REQUIRED ACTION:
Every line of the material below that contains the string "contexts" must appear in the answer.

ENTRIES SHOWN:
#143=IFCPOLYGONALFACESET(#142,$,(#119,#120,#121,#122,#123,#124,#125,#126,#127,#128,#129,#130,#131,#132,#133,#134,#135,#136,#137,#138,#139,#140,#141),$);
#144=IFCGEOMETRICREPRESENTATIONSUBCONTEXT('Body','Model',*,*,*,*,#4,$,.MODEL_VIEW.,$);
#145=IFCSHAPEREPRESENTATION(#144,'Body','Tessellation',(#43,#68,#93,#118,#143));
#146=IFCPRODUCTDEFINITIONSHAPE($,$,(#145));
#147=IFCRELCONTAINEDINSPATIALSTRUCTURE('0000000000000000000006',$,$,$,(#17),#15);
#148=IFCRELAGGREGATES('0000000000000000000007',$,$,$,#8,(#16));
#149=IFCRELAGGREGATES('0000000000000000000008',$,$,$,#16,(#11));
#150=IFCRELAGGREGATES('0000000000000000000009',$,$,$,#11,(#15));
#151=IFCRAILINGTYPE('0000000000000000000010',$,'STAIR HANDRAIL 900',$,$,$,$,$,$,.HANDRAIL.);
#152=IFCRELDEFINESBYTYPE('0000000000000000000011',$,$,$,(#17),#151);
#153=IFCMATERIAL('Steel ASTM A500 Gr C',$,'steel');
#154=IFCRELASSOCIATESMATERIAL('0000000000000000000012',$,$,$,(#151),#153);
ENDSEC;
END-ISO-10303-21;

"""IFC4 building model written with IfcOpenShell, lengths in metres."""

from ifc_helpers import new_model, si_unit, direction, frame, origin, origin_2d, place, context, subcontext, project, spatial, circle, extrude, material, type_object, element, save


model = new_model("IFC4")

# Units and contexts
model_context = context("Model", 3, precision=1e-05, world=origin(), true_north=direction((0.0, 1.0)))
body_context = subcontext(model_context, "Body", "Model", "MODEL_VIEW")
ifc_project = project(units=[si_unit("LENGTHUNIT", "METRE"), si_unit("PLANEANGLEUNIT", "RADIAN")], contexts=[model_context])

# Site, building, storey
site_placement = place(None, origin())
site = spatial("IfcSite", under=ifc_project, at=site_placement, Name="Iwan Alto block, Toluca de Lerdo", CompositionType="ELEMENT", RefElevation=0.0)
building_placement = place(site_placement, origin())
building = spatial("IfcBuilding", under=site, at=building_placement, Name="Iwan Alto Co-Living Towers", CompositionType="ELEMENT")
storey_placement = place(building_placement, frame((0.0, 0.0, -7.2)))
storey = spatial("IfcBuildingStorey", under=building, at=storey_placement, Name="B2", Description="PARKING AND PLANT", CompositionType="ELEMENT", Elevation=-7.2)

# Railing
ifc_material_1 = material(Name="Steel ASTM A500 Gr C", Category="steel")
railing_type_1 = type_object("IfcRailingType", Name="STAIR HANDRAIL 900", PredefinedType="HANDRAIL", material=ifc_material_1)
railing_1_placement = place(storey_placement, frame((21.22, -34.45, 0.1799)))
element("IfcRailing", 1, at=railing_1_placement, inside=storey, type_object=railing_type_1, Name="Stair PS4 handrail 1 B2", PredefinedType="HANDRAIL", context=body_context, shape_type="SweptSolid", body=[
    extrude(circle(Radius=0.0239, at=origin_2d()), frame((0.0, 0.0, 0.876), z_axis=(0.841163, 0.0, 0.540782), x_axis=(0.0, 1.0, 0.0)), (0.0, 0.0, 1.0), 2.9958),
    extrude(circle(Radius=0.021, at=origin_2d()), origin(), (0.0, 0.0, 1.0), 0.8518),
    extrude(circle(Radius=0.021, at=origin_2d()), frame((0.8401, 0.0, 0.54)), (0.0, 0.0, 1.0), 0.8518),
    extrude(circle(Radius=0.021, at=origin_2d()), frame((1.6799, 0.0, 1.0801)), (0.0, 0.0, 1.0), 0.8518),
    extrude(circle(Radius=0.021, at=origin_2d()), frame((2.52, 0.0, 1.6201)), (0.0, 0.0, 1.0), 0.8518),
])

YOUR SOLUTION:
# Units and contexts
ifc_project = project(units=[si_unit("LENGTHUNIT", "METRE"), si_unit("PLANEANGLEUNIT", "RADIAN")], contexts=[model_context])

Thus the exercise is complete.